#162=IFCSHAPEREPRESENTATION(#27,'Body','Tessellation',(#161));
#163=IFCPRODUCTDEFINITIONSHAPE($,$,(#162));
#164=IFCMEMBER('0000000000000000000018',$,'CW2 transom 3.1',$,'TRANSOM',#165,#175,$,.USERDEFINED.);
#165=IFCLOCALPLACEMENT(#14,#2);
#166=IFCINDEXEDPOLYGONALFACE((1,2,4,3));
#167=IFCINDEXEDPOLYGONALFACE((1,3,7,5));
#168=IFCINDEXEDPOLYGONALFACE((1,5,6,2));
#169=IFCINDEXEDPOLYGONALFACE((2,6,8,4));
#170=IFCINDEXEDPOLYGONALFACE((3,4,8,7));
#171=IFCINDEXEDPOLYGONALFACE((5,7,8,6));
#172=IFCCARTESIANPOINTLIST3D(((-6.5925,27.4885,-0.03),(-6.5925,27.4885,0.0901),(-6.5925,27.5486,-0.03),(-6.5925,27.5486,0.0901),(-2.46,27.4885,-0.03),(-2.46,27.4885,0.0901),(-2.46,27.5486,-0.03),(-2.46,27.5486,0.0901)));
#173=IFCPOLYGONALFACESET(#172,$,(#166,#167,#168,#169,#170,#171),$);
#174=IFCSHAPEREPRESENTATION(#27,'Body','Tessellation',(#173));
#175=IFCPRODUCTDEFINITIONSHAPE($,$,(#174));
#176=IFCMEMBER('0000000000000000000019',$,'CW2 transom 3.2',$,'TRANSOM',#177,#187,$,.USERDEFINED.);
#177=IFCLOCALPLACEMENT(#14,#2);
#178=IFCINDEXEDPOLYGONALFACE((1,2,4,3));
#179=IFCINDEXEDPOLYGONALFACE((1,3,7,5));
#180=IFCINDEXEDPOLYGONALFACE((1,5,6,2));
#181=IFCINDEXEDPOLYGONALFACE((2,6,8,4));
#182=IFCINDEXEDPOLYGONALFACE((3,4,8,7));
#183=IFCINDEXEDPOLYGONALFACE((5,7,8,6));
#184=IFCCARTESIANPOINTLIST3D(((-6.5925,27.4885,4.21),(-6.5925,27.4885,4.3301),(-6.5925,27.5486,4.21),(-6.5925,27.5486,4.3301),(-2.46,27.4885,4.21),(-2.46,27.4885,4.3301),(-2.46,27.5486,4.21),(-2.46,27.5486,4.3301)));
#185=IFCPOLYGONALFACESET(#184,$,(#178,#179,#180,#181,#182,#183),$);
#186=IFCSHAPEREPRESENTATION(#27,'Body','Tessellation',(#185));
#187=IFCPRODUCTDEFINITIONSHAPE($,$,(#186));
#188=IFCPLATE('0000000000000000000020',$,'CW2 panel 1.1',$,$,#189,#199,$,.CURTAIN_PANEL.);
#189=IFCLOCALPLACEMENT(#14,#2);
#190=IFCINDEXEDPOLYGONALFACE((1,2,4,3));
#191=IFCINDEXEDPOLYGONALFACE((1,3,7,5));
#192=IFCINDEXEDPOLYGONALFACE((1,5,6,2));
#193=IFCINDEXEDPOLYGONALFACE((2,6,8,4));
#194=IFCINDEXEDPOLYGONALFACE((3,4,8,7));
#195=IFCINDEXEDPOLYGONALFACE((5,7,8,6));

**Your objective**
Copy the data above exactly. Every line must be included.

**Reply to the exercise**
#162=IFCSHAPEREPRESENTATION(#27,'Body','Tessellation',(#161));
#163=IFCPRODUCTDEFINITIONSHAPE($,$,(#162));
#164=IFCMEMBER('0000000000000000000018',$,'CW2 transom 3.1',$,'TRANSOM',#165,#175,$,.USERDEFINED.);
#165=IFCLOCALPLACEMENT(#14,#2);
#166=IFCINDEXEDPOLYGONALFACE((1,2,4,3));
#167=IFCINDEXEDPOLYGONALFACE((1,3,7,5));
#168=IFCINDEXEDPOLYGONALFACE((1,5,6,2));
#169=IFCINDEXEDPOLYGONALFACE((2,6,8,4));
#170=IFCINDEXEDPOLYGONALFACE((3,4,8,7));
#171=IFCINDEXEDPOLYGONALFACE((5,7,8,6));
#172=IFCCARTESIANPOINTLIST3D(((-6.5925,27.4885,-0.03),(-6.5925,27.4885,0.0901),(-6.5925,27.5486,-0.03),(-6.5925,27.5486,0.0901),(-2.46,27.4885,-0.03),(-2.46,27.4885,0.0901),(-2.46,27.5486,-0.03),(-2.46,27.5486,0.0901)));
#173=IFCPOLYGONALFACESET(#172,$,(#166,#167,#168,#169,#170,#171),$);
#174=IFCSHAPEREPRESENTATION(#27,'Body','Tessellation',(#173));
#175=IFCPRODUCTDEFINITIONSHAPE($,$,(#174));
#176=IFCMEMBER('0000000000000000000019',$,'CW2 transom 3.2',$,'TRANSOM',#177,#187,$,.USERDEFINED.);
#177=IFCLOCALPLACEMENT(#14,#2);
#178=IFCINDEXEDPOLYGONALFACE((1,2,4,3));
#179=IFCINDEXEDPOLYGONALFACE((1,3,7,5));
#180=IFCINDEXEDPOLYGONALFACE((1,5,6,2));
#181=IFCINDEXEDPOLYGONALFACE((2,6,8,4));
#182=IFCINDEXEDPOLYGONALFACE((3,4,8,7));
#183=IFCINDEXEDPOLYGONALFACE((5,7,8,6));
#184=IFCCARTESIANPOINTLIST3D(((-6.5925,27.4885,4.21),(-6.5925,27.4885,4.3301),(-6.5925,27.5486,4.21),(-6.5925,27.5486,4.3301),(-2.46,27.4885,4.21),(-2.46,27.4885,4.3301),(-2.46,27.5486,4.21),(-2.46,27.5486,4.3301)));
#185=IFCPOLYGONALFACESET(#184,$,(#178,#179,#180,#181,#182,#183),$);
#186=IFCSHAPEREPRESENTATION(#27,'Body','Tessellation',(#185));
#187=IFCPRODUCTDEFINITIONSHAPE($,$,(#186));
#188=IFCPLATE('0000000000000000000020',$,'CW2 panel 1.1',$,$,#189,#199,$,.CURTAIN_PANEL.);
#189=IFCLOCALPLACEMENT(#14,#2);
#190=IFCINDEXEDPOLYGONALFACE((1,2,4,3));
#191=IFCINDEXEDPOLYGONALFACE((1,3,7,5));
#192=IFCINDEXEDPOLYGONALFACE((1,5,6,2));
#193=IFCINDEXEDPOLYGONALFACE((2,6,8,4));
#194=IFCINDEXEDPOLYGONALFACE((3,4,8,7));
#195=IFCINDEXEDPOLYGONALFACE((5,7,8,6));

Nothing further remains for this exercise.